### Exercise goal
Within the records below, reproduce without change the lines from the line that has "#145=IFCPRODUCTDEFINITIONSHAPE($,$,(#144));" through the line that has "#151=IFCINDEXEDPOLYGONALFACE((2,6,8,4));", and only those.

### Extracted records

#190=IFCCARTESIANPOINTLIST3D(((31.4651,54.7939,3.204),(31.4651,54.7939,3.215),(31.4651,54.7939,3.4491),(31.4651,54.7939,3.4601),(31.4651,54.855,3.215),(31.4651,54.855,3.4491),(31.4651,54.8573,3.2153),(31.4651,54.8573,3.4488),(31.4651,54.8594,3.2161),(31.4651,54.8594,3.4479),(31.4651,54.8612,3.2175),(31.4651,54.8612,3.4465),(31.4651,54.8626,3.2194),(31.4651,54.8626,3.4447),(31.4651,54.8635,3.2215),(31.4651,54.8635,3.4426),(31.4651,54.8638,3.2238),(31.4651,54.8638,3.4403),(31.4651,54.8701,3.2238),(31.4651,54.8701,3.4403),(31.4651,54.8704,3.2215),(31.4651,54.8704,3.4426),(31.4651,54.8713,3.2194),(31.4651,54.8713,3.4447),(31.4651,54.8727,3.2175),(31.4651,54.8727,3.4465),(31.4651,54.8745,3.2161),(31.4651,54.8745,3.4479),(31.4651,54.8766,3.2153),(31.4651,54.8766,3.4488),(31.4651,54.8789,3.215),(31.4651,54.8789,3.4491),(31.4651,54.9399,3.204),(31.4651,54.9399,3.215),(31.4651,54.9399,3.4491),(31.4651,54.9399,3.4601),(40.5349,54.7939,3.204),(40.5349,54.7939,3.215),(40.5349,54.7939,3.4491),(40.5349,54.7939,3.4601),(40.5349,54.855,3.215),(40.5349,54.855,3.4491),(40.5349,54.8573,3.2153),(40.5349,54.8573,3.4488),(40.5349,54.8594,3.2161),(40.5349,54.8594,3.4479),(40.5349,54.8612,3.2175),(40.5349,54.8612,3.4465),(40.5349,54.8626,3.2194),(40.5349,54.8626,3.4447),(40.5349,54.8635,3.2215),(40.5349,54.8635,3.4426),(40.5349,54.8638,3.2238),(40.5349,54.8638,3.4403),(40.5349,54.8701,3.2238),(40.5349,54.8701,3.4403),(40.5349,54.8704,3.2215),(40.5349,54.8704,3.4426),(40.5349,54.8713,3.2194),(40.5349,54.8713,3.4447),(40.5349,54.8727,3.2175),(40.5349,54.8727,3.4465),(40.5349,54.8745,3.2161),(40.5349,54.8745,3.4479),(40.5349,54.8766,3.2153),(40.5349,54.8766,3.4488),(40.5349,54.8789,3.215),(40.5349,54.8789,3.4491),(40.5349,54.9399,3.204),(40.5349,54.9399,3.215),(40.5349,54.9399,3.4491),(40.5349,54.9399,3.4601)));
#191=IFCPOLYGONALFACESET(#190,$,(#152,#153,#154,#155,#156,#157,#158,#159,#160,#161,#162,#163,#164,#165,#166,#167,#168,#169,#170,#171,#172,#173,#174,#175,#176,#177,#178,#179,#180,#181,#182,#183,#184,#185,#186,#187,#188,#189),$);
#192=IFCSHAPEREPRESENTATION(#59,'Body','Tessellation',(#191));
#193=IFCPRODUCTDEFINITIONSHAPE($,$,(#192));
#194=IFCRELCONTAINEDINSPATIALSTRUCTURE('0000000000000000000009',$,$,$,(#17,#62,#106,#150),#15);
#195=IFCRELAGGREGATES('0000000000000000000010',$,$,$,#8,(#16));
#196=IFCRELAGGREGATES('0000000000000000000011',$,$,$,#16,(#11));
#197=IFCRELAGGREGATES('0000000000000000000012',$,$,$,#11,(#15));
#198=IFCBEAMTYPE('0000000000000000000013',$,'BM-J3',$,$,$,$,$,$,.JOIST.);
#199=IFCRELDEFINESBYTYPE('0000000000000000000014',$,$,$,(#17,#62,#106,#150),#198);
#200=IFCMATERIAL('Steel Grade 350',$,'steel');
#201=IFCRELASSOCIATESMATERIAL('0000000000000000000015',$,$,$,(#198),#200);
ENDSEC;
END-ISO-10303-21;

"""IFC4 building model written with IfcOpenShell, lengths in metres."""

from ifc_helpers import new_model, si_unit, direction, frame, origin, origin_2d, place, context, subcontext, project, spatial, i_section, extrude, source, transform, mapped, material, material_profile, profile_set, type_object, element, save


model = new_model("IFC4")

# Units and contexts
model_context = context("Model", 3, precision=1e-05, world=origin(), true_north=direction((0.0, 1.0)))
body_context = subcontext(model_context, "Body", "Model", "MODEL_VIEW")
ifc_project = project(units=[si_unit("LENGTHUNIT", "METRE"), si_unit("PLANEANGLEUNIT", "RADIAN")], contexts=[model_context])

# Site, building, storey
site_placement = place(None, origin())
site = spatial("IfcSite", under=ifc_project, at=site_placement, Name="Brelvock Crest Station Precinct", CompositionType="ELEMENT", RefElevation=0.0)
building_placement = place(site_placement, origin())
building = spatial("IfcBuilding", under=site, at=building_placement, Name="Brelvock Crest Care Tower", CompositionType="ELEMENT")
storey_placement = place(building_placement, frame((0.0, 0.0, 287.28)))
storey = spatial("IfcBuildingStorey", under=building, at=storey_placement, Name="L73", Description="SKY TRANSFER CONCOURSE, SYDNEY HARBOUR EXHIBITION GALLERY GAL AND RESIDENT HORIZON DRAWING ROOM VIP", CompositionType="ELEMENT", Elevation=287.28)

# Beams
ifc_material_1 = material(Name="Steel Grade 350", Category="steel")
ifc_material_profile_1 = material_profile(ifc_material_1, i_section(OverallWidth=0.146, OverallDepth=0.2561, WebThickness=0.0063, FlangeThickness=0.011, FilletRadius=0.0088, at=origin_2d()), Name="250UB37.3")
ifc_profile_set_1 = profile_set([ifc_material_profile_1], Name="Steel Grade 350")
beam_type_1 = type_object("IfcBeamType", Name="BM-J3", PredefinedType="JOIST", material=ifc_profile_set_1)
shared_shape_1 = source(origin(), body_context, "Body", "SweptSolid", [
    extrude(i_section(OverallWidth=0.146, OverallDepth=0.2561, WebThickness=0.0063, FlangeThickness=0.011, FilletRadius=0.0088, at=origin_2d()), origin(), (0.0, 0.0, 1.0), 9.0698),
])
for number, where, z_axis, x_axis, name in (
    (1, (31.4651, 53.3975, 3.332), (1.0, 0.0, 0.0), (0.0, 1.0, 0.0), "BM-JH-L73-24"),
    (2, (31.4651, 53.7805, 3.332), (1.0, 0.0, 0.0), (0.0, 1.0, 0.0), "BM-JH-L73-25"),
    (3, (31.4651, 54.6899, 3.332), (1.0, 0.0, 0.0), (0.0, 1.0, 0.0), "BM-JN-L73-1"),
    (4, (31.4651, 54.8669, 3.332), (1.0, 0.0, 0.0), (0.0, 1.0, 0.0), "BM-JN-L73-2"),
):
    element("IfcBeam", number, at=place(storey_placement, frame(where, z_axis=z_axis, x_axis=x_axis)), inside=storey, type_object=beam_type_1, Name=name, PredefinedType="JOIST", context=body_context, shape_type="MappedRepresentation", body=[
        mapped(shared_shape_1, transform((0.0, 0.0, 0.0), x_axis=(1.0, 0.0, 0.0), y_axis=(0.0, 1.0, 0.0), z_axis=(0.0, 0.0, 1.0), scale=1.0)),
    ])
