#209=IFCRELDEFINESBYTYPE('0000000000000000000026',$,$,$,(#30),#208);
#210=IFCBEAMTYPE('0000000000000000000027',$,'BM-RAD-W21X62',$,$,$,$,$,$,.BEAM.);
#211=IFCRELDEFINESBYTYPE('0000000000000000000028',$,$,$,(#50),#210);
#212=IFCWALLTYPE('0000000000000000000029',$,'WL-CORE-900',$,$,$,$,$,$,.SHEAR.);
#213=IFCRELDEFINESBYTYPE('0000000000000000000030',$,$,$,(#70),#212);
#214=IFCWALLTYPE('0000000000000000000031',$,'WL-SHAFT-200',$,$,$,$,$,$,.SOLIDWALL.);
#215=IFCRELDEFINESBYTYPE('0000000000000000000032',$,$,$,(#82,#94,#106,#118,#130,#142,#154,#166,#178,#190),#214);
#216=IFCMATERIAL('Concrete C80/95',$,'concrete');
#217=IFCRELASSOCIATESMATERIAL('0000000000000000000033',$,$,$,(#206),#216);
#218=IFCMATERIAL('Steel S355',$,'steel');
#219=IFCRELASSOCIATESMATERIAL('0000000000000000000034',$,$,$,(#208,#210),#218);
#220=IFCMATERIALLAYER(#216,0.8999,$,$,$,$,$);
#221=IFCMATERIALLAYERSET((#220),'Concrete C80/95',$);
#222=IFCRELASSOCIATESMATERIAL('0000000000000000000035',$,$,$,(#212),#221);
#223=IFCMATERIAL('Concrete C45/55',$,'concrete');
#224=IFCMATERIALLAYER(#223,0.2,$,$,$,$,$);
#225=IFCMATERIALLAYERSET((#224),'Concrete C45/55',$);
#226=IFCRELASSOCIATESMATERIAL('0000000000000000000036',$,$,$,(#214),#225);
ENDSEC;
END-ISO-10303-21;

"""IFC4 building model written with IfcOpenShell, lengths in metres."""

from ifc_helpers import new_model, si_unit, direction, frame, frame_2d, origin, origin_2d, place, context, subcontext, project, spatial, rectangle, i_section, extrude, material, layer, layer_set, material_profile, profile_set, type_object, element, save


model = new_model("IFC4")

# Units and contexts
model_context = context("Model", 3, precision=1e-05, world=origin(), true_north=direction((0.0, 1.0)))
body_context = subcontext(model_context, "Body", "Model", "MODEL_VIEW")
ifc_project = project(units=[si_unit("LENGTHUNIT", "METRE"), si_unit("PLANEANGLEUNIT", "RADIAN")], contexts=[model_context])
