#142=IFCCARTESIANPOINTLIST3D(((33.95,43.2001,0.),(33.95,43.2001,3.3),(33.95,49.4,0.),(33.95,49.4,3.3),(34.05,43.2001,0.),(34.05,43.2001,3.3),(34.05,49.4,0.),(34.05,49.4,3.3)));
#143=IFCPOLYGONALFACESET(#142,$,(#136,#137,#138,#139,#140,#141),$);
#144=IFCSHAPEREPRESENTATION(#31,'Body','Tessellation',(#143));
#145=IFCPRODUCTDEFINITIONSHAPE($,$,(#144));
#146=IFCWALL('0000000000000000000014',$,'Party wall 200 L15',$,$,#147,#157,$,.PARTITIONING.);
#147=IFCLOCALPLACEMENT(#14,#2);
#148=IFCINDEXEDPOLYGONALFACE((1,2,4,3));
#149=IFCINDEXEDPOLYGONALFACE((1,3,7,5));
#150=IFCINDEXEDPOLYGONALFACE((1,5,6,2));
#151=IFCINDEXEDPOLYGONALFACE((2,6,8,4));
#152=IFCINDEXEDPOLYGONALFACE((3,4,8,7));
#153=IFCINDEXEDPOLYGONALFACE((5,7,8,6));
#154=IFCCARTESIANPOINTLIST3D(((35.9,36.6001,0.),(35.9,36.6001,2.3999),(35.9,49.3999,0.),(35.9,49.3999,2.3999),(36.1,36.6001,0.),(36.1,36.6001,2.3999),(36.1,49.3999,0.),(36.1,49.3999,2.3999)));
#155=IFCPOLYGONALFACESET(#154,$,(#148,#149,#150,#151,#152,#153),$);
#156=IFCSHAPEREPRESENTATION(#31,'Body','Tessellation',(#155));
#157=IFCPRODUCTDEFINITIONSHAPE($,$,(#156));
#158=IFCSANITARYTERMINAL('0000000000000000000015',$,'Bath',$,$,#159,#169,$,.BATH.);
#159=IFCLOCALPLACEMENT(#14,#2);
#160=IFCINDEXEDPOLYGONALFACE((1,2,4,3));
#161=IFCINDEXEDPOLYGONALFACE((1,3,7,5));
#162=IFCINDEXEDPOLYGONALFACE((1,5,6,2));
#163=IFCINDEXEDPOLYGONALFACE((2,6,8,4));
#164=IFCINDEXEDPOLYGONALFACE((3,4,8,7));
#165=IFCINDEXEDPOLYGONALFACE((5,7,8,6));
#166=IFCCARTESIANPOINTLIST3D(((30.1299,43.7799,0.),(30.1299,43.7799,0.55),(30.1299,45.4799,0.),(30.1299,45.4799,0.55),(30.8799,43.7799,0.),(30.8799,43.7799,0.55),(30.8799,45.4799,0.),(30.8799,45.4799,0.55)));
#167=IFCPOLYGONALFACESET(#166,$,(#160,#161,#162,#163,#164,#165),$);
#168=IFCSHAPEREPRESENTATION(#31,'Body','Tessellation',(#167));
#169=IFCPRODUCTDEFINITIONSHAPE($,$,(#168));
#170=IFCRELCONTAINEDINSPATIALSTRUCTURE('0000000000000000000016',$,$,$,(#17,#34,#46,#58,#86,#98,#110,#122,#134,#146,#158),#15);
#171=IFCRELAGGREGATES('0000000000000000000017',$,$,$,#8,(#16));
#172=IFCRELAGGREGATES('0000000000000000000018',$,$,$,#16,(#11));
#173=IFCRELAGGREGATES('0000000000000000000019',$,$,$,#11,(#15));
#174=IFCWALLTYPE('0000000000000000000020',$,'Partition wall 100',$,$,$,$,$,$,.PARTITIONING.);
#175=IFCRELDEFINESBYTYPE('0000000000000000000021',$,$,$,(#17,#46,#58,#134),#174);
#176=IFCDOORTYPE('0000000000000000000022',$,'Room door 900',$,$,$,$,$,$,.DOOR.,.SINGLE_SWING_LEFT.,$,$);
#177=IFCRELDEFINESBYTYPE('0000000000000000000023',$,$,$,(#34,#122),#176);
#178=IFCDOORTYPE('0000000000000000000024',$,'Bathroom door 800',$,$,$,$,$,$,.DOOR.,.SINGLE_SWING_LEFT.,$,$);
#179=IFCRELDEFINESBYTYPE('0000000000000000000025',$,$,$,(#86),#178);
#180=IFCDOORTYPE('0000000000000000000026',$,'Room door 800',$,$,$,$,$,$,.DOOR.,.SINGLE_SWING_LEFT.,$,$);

### Result for this exercise
#145=IFCPRODUCTDEFINITIONSHAPE($,$,(#144));
#146=IFCWALL('0000000000000000000014',$,'Party wall 200 L15',$,$,#147,#157,$,.PARTITIONING.);
#147=IFCLOCALPLACEMENT(#14,#2);
#148=IFCINDEXEDPOLYGONALFACE((1,2,4,3));
#149=IFCINDEXEDPOLYGONALFACE((1,3,7,5));
#150=IFCINDEXEDPOLYGONALFACE((1,5,6,2));
#151=IFCINDEXEDPOLYGONALFACE((2,6,8,4));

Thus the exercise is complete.